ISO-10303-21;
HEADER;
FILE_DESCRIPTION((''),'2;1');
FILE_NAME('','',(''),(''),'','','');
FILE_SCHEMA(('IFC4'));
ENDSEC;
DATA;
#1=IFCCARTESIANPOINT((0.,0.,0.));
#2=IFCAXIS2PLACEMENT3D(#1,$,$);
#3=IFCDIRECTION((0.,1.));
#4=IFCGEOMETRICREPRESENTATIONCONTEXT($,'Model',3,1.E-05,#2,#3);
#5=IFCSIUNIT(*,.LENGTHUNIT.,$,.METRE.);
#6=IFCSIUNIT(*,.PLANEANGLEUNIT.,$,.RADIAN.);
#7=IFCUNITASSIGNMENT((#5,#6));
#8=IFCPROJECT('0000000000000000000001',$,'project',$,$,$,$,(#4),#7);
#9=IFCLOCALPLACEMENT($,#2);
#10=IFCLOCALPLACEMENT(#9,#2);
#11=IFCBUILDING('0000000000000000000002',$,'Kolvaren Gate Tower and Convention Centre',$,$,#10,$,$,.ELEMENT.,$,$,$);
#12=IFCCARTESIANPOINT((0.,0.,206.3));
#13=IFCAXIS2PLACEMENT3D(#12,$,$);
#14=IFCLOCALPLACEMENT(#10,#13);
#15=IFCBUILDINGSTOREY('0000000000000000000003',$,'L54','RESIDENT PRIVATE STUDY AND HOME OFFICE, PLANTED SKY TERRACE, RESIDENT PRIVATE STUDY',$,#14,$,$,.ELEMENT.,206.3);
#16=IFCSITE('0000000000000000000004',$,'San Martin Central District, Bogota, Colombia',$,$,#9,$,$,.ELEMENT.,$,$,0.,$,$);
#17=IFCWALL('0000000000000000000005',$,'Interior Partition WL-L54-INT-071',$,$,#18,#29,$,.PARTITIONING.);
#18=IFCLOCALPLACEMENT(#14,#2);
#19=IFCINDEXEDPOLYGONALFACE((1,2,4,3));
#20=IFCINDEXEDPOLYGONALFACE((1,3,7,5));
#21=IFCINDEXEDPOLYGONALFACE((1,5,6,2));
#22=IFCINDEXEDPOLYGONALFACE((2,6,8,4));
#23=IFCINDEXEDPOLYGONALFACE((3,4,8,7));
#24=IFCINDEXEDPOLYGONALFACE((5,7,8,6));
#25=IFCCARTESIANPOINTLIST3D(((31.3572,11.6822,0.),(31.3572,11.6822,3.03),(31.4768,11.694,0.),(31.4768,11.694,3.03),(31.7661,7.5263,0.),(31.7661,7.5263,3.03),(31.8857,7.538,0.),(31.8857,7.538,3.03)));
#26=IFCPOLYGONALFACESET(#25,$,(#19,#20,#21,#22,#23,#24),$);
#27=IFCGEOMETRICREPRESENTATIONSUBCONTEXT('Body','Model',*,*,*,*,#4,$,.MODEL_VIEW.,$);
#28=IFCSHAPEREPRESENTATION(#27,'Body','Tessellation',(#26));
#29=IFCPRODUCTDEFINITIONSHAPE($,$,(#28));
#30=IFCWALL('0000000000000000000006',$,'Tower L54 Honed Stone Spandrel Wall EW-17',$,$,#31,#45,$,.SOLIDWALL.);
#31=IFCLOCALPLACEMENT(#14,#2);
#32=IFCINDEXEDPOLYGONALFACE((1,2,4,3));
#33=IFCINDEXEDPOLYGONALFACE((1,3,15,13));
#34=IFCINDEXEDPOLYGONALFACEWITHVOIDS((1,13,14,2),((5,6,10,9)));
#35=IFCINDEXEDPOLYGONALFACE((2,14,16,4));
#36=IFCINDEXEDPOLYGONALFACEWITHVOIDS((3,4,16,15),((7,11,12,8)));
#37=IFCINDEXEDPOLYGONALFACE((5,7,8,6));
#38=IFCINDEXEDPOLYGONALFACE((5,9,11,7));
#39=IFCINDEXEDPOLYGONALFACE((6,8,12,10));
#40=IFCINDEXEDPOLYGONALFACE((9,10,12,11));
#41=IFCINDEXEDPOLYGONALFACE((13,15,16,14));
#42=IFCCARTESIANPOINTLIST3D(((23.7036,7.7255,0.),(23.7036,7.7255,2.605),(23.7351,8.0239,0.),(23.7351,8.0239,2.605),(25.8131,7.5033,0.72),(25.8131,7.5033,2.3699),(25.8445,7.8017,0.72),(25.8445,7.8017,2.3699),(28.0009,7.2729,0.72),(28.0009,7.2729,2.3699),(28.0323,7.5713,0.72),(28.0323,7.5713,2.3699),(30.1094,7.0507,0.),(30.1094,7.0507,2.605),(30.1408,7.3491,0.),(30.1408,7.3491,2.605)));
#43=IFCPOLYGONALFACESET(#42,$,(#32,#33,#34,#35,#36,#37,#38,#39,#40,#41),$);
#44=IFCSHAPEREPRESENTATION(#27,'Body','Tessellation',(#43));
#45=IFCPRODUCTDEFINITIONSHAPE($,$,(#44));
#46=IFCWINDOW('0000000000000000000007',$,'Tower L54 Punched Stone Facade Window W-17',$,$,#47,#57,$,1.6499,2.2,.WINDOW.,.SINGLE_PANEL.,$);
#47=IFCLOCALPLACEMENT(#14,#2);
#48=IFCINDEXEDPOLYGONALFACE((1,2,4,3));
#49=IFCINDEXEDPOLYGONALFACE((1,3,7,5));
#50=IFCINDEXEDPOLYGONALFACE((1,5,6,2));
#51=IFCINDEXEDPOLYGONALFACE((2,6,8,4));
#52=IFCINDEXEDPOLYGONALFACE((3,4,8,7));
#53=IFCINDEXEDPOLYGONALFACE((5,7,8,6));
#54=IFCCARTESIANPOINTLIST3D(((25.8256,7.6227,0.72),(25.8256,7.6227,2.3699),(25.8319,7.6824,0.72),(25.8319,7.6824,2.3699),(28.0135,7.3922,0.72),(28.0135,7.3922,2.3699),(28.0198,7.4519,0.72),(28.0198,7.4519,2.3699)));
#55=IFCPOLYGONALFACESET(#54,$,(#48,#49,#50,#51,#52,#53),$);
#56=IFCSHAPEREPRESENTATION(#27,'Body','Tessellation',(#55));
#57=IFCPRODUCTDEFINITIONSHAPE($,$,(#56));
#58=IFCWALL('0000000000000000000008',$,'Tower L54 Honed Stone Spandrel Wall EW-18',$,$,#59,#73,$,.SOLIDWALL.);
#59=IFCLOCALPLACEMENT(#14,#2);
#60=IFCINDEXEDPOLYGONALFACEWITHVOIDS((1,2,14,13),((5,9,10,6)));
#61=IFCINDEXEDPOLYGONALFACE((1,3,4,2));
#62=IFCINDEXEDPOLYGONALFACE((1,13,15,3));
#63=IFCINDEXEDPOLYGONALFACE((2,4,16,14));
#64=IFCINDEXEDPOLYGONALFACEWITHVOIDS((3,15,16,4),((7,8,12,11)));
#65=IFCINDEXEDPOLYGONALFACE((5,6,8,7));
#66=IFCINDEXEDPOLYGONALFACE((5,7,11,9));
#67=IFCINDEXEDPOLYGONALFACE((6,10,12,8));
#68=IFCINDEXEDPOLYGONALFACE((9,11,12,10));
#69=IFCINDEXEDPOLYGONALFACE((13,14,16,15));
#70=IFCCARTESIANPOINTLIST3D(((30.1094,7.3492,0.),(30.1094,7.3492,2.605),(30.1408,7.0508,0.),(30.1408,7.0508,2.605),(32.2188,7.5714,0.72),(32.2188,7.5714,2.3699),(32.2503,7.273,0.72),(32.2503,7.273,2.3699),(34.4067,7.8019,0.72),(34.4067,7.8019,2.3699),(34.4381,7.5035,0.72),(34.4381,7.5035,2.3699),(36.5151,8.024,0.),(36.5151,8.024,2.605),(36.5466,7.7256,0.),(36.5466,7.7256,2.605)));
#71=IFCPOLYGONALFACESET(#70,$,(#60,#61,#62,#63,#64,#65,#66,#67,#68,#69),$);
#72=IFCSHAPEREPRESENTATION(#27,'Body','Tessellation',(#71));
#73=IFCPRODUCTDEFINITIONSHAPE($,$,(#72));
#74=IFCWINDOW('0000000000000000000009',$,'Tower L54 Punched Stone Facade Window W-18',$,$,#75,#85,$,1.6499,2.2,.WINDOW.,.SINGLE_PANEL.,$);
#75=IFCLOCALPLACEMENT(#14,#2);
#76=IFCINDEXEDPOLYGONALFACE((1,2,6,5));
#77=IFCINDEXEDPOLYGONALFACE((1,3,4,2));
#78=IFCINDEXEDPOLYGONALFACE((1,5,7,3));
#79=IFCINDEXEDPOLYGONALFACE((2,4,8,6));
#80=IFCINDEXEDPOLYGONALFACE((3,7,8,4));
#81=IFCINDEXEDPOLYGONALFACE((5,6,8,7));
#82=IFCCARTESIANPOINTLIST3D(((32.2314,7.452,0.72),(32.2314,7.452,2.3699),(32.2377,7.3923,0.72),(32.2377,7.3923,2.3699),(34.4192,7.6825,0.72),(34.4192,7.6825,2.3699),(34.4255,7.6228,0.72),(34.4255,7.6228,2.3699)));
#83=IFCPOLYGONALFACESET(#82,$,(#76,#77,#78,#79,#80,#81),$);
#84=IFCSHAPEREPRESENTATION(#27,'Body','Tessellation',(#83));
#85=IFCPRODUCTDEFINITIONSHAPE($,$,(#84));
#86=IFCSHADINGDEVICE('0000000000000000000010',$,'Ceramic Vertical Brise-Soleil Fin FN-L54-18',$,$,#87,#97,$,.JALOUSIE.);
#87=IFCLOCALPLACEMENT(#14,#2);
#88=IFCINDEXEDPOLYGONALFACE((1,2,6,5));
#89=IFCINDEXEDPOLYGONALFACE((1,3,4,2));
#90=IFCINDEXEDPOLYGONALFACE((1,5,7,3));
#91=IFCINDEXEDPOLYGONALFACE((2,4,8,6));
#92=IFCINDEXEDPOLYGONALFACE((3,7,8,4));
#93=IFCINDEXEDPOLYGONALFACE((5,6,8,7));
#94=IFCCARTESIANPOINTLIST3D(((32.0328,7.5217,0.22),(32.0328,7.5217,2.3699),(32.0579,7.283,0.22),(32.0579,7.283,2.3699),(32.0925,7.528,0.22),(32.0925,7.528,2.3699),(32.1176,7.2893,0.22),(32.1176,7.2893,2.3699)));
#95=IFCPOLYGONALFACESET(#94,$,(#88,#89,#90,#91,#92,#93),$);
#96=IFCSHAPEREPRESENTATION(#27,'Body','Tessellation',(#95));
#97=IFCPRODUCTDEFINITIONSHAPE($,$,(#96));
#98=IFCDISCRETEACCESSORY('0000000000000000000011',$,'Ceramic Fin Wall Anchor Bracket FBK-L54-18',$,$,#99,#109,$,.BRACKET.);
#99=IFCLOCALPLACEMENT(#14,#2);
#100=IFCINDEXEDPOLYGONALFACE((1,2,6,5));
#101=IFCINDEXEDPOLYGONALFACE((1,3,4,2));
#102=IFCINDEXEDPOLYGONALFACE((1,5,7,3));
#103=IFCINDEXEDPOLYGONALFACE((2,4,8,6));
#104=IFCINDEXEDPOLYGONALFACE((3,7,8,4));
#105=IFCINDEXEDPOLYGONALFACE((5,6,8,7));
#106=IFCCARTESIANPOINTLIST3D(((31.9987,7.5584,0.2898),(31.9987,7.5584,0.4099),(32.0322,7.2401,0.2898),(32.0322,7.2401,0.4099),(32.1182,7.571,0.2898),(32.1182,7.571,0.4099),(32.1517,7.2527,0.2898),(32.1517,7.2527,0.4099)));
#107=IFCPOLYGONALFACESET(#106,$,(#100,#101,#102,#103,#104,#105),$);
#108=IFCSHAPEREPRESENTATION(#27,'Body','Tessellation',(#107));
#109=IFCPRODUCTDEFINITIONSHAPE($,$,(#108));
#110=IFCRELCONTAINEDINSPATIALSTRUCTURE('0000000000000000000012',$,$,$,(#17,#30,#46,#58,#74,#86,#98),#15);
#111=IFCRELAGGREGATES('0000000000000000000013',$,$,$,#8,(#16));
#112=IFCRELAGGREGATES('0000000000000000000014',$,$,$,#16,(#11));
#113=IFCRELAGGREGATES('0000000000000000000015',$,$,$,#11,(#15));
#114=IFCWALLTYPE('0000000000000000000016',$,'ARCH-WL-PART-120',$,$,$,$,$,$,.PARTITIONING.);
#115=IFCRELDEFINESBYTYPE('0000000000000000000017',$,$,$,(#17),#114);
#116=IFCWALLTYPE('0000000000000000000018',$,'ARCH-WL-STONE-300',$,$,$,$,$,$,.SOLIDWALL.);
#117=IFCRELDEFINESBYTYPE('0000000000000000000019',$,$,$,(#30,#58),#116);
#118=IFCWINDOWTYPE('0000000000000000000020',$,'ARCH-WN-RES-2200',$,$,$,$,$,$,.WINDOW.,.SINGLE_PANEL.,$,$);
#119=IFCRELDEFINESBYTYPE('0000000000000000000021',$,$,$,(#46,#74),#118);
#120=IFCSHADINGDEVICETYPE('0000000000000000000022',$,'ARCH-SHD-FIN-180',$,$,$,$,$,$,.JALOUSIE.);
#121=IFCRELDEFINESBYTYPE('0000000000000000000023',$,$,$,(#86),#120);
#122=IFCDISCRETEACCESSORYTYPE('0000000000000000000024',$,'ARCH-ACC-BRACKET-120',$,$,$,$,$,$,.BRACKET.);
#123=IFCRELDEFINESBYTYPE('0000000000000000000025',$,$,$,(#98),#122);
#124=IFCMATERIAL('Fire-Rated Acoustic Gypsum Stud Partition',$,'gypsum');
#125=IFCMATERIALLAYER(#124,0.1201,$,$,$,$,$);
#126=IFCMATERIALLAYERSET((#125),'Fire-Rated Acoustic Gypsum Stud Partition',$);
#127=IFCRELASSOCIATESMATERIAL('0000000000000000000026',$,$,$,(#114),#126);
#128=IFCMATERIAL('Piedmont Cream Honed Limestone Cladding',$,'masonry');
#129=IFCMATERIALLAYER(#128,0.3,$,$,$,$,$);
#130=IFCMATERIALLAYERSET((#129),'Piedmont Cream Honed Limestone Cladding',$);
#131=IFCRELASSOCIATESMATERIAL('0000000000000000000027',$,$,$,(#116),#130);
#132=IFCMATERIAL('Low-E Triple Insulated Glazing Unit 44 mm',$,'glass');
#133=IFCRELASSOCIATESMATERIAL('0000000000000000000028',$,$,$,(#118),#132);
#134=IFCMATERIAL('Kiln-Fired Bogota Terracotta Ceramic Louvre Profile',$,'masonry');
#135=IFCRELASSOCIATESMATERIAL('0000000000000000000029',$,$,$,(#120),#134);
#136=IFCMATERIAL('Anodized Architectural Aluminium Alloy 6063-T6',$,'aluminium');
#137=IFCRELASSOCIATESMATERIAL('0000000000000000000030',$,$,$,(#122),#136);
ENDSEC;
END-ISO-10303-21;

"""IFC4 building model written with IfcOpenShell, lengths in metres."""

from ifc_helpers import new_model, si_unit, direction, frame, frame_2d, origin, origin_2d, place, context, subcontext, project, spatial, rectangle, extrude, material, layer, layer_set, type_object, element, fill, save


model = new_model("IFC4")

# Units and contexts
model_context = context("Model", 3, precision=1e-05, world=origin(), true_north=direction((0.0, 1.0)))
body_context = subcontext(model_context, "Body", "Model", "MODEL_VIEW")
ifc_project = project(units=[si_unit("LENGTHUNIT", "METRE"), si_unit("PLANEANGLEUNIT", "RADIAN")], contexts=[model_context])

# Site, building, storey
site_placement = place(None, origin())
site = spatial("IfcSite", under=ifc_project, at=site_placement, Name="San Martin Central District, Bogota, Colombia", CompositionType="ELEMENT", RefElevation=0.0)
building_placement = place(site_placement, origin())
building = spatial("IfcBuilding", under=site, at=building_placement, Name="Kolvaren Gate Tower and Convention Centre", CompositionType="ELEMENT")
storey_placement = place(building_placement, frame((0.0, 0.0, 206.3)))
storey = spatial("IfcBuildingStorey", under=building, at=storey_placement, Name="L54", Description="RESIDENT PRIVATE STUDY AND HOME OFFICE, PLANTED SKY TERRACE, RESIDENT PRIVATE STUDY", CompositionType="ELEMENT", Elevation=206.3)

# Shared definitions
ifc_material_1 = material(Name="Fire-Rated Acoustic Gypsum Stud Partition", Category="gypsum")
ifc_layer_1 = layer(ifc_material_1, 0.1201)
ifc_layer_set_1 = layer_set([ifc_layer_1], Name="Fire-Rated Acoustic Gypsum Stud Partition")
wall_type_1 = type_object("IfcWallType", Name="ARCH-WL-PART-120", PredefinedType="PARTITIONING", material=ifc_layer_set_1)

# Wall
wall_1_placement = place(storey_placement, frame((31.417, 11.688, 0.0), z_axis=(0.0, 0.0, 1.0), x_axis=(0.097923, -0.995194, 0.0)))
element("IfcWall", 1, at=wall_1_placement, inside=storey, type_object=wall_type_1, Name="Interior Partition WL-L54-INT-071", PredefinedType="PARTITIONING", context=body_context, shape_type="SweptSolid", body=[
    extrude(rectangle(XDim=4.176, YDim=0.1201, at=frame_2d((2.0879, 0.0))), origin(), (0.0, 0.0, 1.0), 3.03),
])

==

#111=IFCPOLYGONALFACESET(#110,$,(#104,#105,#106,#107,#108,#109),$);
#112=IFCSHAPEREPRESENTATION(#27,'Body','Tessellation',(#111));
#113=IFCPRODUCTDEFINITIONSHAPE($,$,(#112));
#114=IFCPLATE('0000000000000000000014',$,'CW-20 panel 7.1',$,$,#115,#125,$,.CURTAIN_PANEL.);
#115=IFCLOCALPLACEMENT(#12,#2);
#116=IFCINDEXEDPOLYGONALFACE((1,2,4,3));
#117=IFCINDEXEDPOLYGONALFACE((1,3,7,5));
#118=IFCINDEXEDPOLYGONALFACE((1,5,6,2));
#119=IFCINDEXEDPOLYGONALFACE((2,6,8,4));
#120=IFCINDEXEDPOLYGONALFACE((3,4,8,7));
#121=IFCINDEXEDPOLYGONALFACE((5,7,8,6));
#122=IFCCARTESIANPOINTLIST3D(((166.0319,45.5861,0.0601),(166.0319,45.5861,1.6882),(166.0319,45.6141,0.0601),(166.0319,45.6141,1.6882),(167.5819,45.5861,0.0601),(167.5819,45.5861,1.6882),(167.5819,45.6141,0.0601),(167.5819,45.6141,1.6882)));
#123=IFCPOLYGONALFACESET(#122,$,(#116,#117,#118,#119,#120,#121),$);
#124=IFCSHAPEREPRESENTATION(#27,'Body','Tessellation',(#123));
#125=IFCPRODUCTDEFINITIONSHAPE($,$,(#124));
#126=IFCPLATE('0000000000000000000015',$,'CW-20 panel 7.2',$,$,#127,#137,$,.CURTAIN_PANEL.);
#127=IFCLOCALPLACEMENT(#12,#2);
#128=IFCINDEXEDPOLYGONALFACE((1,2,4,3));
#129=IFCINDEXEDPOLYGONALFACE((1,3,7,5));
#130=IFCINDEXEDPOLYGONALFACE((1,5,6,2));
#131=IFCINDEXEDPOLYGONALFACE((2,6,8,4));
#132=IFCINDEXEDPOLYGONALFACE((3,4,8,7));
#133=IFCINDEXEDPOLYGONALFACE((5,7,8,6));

● **What you are asked to do**: Search the listing for "Piedmont" and copy each line holding it.

● **Output of the exercise**:
#128=IFCMATERIAL('Piedmont Cream Honed Limestone Cladding',$,'masonry');
#130=IFCMATERIALLAYERSET((#129),'Piedmont Cream Honed Limestone Cladding',$);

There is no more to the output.